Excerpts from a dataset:
--- --- ---

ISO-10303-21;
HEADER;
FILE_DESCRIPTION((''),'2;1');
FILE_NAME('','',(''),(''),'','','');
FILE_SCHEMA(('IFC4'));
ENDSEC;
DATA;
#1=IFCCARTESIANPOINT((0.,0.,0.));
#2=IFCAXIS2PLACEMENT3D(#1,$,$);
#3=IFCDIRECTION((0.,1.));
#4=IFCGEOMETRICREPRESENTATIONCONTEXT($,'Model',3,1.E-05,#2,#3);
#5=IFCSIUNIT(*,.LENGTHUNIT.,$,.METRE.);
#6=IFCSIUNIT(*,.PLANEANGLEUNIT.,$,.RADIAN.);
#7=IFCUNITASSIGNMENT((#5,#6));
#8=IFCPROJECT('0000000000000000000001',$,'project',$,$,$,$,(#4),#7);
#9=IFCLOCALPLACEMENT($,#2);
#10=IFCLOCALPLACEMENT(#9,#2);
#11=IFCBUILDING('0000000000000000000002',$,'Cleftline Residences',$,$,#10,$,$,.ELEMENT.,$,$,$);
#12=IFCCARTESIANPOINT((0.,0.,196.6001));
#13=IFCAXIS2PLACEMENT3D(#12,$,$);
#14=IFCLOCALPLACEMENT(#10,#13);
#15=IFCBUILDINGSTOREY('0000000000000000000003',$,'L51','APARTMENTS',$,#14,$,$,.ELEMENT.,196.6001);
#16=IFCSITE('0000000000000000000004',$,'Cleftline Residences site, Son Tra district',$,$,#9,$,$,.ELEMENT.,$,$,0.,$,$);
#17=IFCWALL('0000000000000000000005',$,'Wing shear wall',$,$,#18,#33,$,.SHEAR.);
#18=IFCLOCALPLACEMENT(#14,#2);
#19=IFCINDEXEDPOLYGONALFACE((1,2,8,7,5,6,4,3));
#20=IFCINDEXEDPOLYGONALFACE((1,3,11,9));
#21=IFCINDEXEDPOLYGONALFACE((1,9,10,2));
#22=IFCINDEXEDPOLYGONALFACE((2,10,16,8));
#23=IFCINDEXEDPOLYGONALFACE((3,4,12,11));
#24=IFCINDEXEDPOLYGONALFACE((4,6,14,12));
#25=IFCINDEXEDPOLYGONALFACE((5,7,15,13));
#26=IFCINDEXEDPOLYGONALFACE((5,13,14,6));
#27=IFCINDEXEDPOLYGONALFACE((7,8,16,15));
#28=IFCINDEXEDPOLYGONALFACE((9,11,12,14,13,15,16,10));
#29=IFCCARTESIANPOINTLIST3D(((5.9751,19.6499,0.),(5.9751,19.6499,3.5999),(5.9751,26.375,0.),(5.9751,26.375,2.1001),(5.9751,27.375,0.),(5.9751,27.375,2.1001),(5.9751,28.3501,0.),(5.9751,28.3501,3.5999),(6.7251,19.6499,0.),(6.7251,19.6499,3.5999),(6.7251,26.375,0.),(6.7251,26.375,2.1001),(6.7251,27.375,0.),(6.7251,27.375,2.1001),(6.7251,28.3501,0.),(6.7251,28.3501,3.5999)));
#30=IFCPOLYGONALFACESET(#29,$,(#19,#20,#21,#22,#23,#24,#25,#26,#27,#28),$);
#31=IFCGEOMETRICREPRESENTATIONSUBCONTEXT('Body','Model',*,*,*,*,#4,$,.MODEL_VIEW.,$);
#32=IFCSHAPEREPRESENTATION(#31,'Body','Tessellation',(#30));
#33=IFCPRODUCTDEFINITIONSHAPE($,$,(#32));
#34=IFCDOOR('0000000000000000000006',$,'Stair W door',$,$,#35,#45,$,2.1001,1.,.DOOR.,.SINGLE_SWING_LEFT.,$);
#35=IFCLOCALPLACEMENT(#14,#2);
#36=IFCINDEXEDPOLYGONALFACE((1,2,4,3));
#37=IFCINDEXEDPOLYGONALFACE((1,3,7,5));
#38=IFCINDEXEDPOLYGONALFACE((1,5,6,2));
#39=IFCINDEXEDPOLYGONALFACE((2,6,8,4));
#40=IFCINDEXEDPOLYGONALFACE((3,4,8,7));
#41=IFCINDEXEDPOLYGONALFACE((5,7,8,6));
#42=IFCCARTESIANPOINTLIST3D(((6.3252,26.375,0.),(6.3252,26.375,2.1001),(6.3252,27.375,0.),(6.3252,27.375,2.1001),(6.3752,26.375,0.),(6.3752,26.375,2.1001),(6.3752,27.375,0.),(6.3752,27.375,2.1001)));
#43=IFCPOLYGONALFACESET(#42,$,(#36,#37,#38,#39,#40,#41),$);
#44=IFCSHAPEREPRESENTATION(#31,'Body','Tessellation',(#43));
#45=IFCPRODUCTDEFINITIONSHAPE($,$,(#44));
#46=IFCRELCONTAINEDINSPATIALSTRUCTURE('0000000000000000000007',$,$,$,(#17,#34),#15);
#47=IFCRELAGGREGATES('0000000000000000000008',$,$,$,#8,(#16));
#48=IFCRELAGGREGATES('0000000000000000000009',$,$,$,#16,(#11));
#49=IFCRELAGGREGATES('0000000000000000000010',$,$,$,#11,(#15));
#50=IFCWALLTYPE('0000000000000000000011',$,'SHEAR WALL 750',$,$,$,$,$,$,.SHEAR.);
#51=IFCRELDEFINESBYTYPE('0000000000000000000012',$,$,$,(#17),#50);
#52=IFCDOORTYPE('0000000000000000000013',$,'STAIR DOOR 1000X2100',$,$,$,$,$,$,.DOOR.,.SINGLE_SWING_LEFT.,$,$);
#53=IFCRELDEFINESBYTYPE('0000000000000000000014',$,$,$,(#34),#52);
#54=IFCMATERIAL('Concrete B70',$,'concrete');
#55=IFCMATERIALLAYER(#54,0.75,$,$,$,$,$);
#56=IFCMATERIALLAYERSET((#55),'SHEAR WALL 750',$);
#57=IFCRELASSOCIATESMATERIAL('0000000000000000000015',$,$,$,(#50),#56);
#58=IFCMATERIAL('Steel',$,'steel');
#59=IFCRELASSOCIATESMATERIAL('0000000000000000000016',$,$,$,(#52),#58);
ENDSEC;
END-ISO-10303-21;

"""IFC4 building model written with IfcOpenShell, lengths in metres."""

from ifc_helpers import new_model, si_unit, direction, frame, frame_2d, origin, place, context, subcontext, project, spatial, rectangle, extrude, material, layer, layer_set, type_object, element, fill, save


model = new_model("IFC4")

# Units and contexts
model_context = context("Model", 3, precision=1e-05, world=origin(), true_north=direction((0.0, 1.0)))
body_context = subcontext(model_context, "Body", "Model", "MODEL_VIEW")
ifc_project = project(units=[si_unit("LENGTHUNIT", "METRE"), si_unit("PLANEANGLEUNIT", "RADIAN")], contexts=[model_context])

# Site, building, storey
site_placement = place(None, origin())
site = spatial("IfcSite", under=ifc_project, at=site_placement, Name="Cleftline Residences site, Son Tra district", CompositionType="ELEMENT", RefElevation=0.0)
building_placement = place(site_placement, origin())
building = spatial("IfcBuilding", under=site, at=building_placement, Name="Cleftline Residences", CompositionType="ELEMENT")
storey_placement = place(building_placement, frame((0.0, 0.0, 196.6001)))
storey = spatial("IfcBuildingStorey", under=building, at=storey_placement, Name="L51", Description="APARTMENTS", CompositionType="ELEMENT", Elevation=196.6001)

# Shared definitions
ifc_material_1 = material(Name="Concrete B70", Category="concrete")
ifc_layer_1 = layer(ifc_material_1, 0.75)
ifc_layer_set_1 = layer_set([ifc_layer_1], Name="SHEAR WALL 750")
wall_type_1 = type_object("IfcWallType", Name="SHEAR WALL 750", PredefinedType="SHEAR", material=ifc_layer_set_1)

# Wall, opening, door
wall_1_placement = place(storey_placement, frame((6.3501, 19.6499, 0.0), z_axis=(0.0, 0.0, 1.0), x_axis=(0.0, 1.0, 0.0)))
wall_1 = element("IfcWall", 1, at=wall_1_placement, inside=storey, type_object=wall_type_1, Name="Wing shear wall", PredefinedType="SHEAR", context=body_context, shape_type="SweptSolid", body=[
    extrude(rectangle(XDim=8.7002, YDim=0.75, at=frame_2d((4.3501, 0.0))), origin(), (0.0, 0.0, 1.0), 3.5999),
])
opening_1_placement = place(wall_1_placement, frame((6.7251, 0.0, 0.0)))
opening_1 = element("IfcOpeningElement", 2, at=opening_1_placement, cuts=wall_1, PredefinedType="OPENING", context=body_context, shape_type="SweptSolid", body=[
    extrude(rectangle(XDim=1.0, YDim=2.1001, at=frame_2d((0.5, 1.05))), frame((0.0, 0.385, 0.0), z_axis=(0.0, -1.0, 0.0), x_axis=(1.0, 0.0, 0.0)), (0.0, 0.0, 1.0), 0.77),
])
ifc_material_2 = material(Name="Steel", Category="steel")
door_type_1 = type_object("IfcDoorType", Name="STAIR DOOR 1000X2100", OperationType="SINGLE_SWING_LEFT", PredefinedType="DOOR", material=ifc_material_2)
door_1_placement = place(opening_1_placement, origin())
door_1 = element("IfcDoor", 3, at=door_1_placement, inside=storey, type_object=door_type_1, Name="Stair W door", OperationType="SINGLE_SWING_LEFT", OverallHeight=2.1001, OverallWidth=1.0, PredefinedType="DOOR", context=body_context, shape_type="SweptSolid", body=[
    extrude(rectangle(XDim=1.0, YDim=2.1001, at=frame_2d((0.5, 1.05))), frame((0.0, 0.0249, 0.0), z_axis=(0.0, -1.0, 0.0), x_axis=(1.0, 0.0, 0.0)), (0.0, 0.0, 1.0), 0.05),
])
fill(opening_1, door_1)

save(model, "model.ifc")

--- --- ---

TASK TO COMPLETE:
Taking the entries above, print exactly the lines starting at the line with "#37=IFCINDEXEDPOLYGONALFACE((1,3,7,5));" and ending at the line with "#47=IFCRELAGGREGATES('0000000000000000000008',$,$,$,#8,(#16));", both included.

EXERCISE RESPONSE:
#37=IFCINDEXEDPOLYGONALFACE((1,3,7,5));
#38=IFCINDEXEDPOLYGONALFACE((1,5,6,2));
#39=IFCINDEXEDPOLYGONALFACE((2,6,8,4));
#40=IFCINDEXEDPOLYGONALFACE((3,4,8,7));
#41=IFCINDEXEDPOLYGONALFACE((5,7,8,6));
#42=IFCCARTESIANPOINTLIST3D(((6.3252,26.375,0.),(6.3252,26.375,2.1001),(6.3252,27.375,0.),(6.3252,27.375,2.1001),(6.3752,26.375,0.),(6.3752,26.375,2.1001),(6.3752,27.375,0.),(6.3752,27.375,2.1001)));
#43=IFCPOLYGONALFACESET(#42,$,(#36,#37,#38,#39,#40,#41),$);
#44=IFCSHAPEREPRESENTATION(#31,'Body','Tessellation',(#43));
#45=IFCPRODUCTDEFINITIONSHAPE($,$,(#44));
#46=IFCRELCONTAINEDINSPATIALSTRUCTURE('0000000000000000000007',$,$,$,(#17,#34),#15);
#47=IFCRELAGGREGATES('0000000000000000000008',$,$,$,#8,(#16));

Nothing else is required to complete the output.